Content starts

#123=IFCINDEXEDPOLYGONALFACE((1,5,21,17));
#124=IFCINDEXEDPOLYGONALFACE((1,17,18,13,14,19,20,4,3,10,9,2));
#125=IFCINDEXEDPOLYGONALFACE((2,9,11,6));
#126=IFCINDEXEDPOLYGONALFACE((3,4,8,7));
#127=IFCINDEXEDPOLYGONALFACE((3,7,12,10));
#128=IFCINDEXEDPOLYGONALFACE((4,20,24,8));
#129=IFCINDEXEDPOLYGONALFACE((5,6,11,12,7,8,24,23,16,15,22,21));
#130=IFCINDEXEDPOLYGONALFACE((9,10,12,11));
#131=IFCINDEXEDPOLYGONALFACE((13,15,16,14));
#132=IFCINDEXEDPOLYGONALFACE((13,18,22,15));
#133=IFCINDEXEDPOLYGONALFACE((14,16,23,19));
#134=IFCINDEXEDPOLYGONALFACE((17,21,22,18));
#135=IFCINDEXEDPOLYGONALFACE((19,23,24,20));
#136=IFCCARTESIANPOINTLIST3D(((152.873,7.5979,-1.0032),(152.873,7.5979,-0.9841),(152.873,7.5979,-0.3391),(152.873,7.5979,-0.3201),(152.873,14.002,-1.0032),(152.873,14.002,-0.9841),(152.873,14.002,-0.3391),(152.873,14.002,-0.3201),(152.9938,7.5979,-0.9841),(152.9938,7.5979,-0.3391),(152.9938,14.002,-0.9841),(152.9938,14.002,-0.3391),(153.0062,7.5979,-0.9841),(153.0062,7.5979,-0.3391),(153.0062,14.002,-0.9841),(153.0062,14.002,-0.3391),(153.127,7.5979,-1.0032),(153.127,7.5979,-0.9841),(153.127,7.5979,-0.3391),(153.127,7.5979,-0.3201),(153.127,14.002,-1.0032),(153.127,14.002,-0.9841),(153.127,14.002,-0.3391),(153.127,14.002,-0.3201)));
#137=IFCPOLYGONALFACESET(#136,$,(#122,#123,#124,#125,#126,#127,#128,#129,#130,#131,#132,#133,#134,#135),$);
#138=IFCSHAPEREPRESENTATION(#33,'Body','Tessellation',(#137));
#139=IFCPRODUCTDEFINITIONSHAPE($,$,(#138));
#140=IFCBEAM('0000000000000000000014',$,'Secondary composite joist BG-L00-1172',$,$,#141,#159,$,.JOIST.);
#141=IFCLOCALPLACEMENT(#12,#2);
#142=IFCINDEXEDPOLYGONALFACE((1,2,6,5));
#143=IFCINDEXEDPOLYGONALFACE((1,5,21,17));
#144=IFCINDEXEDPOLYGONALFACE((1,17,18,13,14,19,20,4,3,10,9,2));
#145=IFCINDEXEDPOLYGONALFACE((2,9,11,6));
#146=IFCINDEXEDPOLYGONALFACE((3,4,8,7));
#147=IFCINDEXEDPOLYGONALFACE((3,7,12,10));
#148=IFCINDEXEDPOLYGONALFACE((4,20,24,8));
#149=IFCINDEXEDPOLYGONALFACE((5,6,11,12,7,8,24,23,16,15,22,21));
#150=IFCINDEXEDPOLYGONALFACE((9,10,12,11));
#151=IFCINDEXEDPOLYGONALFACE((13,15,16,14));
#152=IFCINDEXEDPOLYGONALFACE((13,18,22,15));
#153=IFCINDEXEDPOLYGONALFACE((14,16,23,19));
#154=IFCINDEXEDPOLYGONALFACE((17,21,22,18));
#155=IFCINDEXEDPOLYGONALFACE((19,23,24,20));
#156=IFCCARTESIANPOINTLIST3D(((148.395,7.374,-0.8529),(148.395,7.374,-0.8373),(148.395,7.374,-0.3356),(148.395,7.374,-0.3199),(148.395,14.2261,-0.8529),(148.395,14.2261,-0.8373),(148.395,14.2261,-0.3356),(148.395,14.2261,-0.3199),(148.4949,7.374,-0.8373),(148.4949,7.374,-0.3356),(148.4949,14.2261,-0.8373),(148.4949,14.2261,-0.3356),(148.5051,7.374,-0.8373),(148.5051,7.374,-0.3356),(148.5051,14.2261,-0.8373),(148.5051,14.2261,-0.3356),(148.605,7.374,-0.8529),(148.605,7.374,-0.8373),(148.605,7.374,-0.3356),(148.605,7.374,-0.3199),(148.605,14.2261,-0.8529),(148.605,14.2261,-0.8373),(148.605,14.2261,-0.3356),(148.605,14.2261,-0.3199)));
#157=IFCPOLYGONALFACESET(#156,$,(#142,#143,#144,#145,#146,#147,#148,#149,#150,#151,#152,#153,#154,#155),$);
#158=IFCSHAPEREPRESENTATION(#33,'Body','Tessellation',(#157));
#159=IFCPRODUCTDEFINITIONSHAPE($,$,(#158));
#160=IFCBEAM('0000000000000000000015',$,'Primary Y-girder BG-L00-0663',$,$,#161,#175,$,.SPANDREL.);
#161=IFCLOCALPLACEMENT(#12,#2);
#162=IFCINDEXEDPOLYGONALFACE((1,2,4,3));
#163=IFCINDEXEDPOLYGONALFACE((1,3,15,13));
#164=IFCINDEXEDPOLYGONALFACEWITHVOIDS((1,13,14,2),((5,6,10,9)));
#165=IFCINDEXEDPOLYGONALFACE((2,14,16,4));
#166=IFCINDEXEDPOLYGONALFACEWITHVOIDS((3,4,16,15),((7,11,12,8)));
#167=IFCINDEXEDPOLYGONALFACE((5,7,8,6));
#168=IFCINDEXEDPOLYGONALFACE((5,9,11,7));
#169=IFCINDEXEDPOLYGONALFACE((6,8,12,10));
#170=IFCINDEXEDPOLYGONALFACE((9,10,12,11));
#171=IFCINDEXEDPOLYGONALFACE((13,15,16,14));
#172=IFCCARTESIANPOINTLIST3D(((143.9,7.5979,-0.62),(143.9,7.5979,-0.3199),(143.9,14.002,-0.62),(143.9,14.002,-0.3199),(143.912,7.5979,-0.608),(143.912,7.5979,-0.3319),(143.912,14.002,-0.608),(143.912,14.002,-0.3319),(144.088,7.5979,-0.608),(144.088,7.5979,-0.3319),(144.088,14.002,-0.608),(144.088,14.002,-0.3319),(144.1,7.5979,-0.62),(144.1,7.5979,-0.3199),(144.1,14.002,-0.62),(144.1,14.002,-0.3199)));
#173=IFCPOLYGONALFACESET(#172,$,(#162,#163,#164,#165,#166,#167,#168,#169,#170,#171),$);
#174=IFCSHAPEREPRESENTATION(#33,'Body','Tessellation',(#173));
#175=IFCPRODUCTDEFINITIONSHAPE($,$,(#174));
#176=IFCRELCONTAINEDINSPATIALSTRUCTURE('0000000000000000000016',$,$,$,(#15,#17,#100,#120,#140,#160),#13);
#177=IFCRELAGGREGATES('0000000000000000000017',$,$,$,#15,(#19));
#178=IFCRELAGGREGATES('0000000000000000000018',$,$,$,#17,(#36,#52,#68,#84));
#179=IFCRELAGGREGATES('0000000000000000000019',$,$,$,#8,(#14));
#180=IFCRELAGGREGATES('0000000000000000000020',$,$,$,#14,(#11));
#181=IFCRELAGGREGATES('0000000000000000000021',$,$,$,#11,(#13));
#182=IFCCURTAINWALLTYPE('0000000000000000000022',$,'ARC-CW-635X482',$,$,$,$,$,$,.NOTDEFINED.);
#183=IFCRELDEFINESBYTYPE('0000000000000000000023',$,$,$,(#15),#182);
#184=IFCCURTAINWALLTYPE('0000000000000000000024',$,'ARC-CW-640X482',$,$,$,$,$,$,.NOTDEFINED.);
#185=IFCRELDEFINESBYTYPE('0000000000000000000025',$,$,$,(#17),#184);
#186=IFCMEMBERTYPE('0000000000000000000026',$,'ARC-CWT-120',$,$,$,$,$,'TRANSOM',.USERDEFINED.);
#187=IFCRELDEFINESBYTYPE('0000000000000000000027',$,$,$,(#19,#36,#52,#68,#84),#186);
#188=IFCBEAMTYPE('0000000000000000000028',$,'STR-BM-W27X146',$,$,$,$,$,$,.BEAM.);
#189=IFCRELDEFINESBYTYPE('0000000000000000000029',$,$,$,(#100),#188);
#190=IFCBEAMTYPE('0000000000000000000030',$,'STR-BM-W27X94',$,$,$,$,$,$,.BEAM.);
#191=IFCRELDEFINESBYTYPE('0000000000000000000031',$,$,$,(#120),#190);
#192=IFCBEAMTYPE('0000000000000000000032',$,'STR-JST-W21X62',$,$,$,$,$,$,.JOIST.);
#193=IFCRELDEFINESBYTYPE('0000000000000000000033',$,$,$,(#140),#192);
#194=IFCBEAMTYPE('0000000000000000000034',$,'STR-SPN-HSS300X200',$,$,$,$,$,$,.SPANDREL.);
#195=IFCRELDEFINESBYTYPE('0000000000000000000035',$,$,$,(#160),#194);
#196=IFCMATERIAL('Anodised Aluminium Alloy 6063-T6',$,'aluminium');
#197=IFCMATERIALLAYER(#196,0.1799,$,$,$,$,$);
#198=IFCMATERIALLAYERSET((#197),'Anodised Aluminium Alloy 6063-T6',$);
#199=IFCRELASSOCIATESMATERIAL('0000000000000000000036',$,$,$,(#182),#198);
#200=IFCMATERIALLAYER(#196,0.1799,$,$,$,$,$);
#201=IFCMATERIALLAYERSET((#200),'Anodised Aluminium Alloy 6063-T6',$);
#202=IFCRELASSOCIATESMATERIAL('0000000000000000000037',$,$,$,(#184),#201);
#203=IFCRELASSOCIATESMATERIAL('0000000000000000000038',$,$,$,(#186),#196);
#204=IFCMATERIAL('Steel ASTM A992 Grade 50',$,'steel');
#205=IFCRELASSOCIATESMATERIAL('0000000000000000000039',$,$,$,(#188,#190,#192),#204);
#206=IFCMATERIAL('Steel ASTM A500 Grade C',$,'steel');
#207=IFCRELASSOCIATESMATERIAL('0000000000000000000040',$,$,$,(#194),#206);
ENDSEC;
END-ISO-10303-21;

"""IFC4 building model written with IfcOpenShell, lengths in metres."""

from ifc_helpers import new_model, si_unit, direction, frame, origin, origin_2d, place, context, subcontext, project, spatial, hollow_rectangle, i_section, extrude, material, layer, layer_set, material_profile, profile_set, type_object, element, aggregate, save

Content ends
Content starts

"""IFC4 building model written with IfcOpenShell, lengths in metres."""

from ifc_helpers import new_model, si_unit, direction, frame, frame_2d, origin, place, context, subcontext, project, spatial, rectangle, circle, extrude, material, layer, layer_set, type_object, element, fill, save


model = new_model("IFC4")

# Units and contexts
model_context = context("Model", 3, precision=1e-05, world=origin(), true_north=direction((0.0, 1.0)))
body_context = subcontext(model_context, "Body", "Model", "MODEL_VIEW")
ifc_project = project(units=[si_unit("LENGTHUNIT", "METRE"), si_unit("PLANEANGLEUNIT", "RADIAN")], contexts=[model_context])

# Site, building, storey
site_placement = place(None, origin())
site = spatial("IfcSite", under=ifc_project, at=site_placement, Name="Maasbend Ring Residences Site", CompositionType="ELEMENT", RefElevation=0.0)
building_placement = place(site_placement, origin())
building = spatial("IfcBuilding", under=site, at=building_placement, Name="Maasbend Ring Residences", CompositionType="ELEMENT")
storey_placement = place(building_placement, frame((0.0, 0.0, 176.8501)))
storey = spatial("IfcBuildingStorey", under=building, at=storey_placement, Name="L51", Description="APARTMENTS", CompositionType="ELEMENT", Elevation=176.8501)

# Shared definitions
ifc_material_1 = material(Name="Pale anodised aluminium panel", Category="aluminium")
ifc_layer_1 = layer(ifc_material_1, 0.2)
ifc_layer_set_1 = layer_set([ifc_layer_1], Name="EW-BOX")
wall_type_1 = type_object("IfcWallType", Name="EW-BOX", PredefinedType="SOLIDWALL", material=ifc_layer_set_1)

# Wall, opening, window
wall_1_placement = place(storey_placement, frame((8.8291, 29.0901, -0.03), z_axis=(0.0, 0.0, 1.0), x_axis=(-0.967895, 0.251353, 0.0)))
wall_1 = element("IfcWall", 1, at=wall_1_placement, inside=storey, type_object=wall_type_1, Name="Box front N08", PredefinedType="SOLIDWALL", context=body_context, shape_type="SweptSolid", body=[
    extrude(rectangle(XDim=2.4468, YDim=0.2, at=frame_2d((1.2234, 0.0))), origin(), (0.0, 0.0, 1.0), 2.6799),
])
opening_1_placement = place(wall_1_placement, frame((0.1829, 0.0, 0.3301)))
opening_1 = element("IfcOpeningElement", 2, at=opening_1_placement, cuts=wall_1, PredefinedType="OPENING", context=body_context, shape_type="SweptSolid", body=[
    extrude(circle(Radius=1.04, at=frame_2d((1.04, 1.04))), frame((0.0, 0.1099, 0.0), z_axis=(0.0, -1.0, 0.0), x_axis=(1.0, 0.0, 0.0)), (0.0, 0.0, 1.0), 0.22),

Content ends
Content starts

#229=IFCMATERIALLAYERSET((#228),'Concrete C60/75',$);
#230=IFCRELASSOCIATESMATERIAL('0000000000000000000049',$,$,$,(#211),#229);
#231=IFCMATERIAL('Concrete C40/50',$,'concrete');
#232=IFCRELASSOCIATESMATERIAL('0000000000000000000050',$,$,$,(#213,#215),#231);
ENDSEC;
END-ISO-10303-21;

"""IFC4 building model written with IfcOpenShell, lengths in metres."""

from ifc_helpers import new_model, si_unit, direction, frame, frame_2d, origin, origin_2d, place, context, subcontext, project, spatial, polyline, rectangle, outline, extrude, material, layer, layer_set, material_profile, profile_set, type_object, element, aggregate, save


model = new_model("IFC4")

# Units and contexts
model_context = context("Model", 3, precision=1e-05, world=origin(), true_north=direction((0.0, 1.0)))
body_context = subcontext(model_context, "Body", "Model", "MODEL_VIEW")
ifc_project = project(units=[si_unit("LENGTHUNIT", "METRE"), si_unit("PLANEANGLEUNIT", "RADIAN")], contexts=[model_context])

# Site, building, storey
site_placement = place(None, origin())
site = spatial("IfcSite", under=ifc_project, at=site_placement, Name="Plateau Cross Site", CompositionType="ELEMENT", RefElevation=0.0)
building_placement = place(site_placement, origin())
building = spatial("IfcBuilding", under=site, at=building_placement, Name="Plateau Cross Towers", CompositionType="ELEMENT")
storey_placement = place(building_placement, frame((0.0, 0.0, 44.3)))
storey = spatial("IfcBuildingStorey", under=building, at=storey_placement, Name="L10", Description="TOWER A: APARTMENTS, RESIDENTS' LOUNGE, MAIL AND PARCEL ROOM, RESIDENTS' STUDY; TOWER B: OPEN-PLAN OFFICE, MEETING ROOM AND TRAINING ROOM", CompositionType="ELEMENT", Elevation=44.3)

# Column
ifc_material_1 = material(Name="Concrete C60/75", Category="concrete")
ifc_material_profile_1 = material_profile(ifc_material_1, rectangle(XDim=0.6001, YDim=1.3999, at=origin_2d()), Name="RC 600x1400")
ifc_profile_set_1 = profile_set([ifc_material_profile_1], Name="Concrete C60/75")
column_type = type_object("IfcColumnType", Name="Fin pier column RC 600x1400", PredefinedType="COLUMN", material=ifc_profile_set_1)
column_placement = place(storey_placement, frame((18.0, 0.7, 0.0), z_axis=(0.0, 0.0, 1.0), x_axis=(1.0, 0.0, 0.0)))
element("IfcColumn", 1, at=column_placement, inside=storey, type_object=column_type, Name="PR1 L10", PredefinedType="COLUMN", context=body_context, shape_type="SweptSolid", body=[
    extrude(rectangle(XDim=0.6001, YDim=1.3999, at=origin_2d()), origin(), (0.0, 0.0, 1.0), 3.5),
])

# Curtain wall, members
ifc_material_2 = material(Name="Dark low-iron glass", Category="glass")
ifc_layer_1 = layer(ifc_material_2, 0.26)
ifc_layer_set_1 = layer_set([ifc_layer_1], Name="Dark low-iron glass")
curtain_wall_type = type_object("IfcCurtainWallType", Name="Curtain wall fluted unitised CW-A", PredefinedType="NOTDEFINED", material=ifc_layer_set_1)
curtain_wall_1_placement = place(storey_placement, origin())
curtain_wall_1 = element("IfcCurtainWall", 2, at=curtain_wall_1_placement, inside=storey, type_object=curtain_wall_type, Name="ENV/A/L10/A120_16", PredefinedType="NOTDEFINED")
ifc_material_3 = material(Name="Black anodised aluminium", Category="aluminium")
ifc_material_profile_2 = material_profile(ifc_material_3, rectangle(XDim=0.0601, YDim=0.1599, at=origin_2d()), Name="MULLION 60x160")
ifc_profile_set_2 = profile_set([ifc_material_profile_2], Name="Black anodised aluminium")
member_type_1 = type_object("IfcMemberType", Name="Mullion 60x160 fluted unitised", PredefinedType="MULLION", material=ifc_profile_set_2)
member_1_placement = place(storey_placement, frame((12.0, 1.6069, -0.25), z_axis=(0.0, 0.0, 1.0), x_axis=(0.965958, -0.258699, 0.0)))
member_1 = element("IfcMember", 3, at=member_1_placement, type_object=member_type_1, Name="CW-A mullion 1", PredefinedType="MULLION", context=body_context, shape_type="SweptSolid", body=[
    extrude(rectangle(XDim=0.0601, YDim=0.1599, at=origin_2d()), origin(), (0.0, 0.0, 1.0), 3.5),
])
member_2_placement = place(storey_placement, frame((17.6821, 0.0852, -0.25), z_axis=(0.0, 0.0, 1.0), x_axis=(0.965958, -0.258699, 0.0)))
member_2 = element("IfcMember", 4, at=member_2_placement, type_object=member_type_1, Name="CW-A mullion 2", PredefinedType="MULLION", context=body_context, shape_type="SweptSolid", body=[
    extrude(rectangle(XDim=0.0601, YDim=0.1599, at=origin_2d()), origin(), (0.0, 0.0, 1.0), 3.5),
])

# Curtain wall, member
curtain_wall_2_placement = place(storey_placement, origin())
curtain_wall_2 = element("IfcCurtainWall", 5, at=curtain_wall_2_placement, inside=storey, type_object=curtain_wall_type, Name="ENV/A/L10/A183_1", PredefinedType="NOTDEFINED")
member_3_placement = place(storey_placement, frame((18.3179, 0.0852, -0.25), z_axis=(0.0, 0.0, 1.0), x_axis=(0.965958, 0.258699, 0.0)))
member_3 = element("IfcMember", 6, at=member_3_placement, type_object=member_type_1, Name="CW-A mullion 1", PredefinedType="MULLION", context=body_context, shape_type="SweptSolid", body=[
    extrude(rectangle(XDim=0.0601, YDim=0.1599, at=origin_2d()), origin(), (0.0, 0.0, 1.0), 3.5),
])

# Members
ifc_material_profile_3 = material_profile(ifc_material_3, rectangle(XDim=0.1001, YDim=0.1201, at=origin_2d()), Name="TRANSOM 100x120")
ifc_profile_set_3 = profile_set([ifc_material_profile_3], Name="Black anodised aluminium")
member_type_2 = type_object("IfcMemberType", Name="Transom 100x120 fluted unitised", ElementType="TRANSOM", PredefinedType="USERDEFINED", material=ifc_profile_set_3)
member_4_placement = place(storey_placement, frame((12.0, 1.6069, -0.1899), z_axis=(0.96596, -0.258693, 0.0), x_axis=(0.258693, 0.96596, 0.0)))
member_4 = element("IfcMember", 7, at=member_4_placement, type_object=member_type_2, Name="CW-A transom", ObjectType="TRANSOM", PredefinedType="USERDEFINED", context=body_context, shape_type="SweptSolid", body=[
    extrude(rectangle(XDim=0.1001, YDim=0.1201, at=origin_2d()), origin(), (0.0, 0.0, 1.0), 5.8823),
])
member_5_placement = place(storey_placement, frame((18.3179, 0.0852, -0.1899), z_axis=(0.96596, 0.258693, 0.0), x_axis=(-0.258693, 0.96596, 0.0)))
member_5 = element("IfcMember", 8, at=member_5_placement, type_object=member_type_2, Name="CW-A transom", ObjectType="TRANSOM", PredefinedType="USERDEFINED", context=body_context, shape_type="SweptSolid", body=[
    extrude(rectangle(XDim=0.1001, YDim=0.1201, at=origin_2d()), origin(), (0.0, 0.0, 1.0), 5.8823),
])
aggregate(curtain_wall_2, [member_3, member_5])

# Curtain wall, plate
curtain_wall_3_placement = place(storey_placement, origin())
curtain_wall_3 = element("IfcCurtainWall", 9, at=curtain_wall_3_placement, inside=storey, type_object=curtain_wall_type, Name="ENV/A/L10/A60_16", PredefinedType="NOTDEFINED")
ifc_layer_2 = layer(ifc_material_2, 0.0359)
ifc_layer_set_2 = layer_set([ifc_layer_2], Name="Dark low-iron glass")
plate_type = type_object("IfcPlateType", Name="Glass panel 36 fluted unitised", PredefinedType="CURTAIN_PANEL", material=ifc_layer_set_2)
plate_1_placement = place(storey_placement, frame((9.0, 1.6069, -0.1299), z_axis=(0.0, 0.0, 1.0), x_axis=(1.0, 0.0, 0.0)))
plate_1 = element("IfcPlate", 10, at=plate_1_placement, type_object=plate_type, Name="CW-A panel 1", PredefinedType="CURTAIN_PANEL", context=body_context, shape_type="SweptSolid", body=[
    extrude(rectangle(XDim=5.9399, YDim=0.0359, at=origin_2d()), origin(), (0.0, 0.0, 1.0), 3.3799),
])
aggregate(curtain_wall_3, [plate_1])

Content ends

Can you repeat, word for word, every line above from the one containing "#123=IFCINDEXEDPOLYGONALFACE((1,5,21,17));" down to the one containing "#135=IFCINDEXEDPOLYGONALFACE((19,23,24,20));", including both?

• [EXERCISE OUTPUT]:
#123=IFCINDEXEDPOLYGONALFACE((1,5,21,17));
#124=IFCINDEXEDPOLYGONALFACE((1,17,18,13,14,19,20,4,3,10,9,2));
#125=IFCINDEXEDPOLYGONALFACE((2,9,11,6));
#126=IFCINDEXEDPOLYGONALFACE((3,4,8,7));
#127=IFCINDEXEDPOLYGONALFACE((3,7,12,10));
#128=IFCINDEXEDPOLYGONALFACE((4,20,24,8));
#129=IFCINDEXEDPOLYGONALFACE((5,6,11,12,7,8,24,23,16,15,22,21));
#130=IFCINDEXEDPOLYGONALFACE((9,10,12,11));
#131=IFCINDEXEDPOLYGONALFACE((13,15,16,14));
#132=IFCINDEXEDPOLYGONALFACE((13,18,22,15));
#133=IFCINDEXEDPOLYGONALFACE((14,16,23,19));
#134=IFCINDEXEDPOLYGONALFACE((17,21,22,18));
#135=IFCINDEXEDPOLYGONALFACE((19,23,24,20));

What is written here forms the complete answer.